**Source records**
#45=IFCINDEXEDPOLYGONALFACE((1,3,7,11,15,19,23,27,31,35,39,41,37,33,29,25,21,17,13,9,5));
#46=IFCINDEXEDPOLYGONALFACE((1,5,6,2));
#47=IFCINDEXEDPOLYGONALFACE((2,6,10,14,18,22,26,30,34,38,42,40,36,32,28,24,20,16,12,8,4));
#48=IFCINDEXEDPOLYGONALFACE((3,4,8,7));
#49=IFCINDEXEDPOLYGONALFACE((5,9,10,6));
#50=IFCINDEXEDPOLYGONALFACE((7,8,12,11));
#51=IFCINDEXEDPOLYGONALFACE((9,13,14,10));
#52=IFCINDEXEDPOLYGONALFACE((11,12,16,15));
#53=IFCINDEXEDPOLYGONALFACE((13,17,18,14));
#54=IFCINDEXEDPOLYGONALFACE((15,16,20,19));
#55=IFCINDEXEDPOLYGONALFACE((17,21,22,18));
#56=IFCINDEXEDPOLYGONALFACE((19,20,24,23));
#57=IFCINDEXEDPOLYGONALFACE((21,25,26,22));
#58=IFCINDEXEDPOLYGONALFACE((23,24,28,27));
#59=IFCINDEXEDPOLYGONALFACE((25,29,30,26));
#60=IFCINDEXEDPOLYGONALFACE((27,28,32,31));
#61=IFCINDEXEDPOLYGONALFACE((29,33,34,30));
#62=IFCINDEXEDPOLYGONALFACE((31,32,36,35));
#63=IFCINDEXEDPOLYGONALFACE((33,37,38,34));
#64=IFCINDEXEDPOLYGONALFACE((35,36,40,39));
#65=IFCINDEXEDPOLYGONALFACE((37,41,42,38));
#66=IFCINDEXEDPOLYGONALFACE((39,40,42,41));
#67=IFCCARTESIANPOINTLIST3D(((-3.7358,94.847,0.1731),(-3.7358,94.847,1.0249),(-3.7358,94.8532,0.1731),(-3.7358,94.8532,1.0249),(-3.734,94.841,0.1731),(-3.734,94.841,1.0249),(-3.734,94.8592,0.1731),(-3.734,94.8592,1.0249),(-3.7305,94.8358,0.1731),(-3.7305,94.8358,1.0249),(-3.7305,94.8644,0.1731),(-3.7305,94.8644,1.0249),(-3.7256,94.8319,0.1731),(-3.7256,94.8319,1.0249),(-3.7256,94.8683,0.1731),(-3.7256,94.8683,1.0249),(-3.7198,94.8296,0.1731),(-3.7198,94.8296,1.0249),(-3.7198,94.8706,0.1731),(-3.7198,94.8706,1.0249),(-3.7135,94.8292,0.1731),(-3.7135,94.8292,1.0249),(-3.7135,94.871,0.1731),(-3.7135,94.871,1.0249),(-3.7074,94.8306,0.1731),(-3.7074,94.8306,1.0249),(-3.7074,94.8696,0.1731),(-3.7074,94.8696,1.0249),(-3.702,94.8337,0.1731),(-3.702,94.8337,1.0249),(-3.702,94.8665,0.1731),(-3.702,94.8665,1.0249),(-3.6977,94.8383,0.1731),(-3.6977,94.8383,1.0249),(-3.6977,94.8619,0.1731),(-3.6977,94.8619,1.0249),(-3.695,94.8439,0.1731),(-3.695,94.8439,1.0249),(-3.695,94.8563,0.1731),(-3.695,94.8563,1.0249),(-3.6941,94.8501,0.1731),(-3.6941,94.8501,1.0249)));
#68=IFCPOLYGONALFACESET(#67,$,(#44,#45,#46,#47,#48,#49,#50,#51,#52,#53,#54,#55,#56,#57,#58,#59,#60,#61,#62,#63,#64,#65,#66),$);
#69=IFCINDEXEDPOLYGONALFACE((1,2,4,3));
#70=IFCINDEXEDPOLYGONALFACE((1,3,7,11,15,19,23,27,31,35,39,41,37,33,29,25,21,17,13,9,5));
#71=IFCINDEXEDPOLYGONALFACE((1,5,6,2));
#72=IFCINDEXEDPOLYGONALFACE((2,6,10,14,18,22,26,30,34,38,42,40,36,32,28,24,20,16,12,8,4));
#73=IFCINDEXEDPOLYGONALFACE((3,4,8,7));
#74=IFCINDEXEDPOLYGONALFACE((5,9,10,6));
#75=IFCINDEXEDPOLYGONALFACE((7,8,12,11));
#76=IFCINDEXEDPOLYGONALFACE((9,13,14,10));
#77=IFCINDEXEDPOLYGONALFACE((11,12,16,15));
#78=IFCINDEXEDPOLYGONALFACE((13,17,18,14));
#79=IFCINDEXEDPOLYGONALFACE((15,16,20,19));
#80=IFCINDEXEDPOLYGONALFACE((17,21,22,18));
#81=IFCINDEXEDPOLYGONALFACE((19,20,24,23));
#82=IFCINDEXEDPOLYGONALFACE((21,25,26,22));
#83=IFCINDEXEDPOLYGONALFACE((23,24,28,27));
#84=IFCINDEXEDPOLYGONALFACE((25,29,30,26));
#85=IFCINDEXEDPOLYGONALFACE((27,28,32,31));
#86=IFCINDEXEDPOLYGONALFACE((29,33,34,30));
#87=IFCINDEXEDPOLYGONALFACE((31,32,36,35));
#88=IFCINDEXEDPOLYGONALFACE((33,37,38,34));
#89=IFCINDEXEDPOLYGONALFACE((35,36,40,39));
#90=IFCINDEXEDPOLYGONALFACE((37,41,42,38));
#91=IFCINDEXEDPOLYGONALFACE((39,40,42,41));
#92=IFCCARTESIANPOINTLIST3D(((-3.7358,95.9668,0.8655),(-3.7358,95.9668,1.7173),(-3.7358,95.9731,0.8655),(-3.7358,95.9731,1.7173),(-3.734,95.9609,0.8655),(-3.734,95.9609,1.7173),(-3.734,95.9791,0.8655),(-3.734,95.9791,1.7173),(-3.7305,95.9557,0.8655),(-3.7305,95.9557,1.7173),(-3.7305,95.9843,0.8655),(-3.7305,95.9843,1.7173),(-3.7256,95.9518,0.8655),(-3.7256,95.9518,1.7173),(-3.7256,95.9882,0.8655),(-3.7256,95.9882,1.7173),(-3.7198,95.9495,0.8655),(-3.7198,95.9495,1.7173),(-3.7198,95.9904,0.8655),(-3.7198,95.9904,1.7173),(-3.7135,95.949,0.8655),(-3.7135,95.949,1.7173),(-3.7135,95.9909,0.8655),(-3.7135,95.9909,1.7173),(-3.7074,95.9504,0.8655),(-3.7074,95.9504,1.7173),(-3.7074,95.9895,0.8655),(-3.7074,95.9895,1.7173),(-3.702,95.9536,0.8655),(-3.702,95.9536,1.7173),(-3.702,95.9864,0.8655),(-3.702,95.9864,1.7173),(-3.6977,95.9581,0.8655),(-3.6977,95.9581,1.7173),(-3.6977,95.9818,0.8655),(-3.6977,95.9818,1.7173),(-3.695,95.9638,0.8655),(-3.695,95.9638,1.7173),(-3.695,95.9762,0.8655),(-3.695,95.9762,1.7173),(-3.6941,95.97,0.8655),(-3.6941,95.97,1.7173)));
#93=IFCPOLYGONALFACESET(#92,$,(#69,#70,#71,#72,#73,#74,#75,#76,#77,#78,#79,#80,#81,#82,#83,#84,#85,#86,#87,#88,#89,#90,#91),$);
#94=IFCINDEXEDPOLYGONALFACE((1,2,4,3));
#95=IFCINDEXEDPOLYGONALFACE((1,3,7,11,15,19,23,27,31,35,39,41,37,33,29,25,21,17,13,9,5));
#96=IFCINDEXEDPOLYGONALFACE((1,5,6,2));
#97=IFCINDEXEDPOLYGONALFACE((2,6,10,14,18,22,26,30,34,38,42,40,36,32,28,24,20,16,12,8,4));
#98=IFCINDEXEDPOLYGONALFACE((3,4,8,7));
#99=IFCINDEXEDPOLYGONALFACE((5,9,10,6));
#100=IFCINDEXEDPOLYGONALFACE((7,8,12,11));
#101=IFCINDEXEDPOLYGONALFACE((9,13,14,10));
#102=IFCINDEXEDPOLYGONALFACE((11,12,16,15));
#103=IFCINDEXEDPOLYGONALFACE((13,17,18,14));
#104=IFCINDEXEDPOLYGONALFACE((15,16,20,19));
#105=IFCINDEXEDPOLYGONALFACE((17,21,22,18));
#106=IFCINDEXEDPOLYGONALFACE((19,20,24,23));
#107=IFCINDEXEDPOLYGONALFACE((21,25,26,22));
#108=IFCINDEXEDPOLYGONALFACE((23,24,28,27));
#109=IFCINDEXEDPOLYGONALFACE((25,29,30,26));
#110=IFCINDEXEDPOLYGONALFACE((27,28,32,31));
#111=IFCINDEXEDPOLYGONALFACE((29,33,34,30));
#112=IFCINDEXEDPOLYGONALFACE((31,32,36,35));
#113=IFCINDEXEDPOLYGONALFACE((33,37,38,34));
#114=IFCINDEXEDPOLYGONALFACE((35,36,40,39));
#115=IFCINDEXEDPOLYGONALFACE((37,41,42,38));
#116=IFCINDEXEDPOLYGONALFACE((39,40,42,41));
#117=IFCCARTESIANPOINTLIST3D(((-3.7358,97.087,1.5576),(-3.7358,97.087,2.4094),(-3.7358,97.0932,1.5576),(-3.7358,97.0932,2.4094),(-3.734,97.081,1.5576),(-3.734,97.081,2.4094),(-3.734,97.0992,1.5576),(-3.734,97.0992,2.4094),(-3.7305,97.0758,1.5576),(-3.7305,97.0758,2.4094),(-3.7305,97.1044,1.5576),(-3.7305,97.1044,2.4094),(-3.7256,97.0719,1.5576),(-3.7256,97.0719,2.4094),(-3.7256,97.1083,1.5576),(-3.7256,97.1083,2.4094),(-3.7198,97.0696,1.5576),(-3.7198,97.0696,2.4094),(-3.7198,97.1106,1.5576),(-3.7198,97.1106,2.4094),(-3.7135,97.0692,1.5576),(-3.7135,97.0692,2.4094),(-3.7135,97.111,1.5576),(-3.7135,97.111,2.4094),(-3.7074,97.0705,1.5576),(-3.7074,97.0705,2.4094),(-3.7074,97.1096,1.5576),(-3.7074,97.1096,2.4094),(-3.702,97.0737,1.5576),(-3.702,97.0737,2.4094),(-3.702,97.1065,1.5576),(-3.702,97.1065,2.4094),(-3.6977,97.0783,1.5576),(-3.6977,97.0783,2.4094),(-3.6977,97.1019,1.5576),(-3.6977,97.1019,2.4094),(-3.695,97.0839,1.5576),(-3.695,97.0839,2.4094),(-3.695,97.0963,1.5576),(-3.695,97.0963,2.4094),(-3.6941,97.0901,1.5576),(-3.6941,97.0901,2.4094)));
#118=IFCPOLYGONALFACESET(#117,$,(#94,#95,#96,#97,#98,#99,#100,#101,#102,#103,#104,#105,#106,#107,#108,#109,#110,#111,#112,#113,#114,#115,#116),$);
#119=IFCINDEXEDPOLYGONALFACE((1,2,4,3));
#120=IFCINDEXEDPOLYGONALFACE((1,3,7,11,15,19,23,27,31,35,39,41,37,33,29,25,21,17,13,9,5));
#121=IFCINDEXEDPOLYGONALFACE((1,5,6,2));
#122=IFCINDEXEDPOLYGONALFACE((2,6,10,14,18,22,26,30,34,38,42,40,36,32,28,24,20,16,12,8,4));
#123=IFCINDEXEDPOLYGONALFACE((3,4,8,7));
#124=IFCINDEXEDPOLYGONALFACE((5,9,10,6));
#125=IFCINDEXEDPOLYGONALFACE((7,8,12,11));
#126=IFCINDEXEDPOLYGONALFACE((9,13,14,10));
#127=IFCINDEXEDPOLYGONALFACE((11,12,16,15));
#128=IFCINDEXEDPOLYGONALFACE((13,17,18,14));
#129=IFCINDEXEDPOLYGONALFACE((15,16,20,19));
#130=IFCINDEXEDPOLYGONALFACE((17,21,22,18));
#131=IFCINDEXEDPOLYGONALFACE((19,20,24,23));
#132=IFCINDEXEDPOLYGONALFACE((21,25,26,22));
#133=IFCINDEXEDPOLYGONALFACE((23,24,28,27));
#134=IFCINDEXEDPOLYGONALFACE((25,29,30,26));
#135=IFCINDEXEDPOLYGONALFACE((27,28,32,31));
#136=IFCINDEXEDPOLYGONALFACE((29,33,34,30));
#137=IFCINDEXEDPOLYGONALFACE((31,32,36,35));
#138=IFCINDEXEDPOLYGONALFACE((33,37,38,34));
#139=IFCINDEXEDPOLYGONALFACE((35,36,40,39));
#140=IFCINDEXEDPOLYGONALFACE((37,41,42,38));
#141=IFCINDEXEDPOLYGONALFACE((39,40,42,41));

**What you need to do**
When a line of the records holds the word "IFCPOLYGONALFACESET", copy that line.

**Completed exercise**
#68=IFCPOLYGONALFACESET(#67,$,(#44,#45,#46,#47,#48,#49,#50,#51,#52,#53,#54,#55,#56,#57,#58,#59,#60,#61,#62,#63,#64,#65,#66),$);
#93=IFCPOLYGONALFACESET(#92,$,(#69,#70,#71,#72,#73,#74,#75,#76,#77,#78,#79,#80,#81,#82,#83,#84,#85,#86,#87,#88,#89,#90,#91),$);
#118=IFCPOLYGONALFACESET(#117,$,(#94,#95,#96,#97,#98,#99,#100,#101,#102,#103,#104,#105,#106,#107,#108,#109,#110,#111,#112,#113,#114,#115,#116),$);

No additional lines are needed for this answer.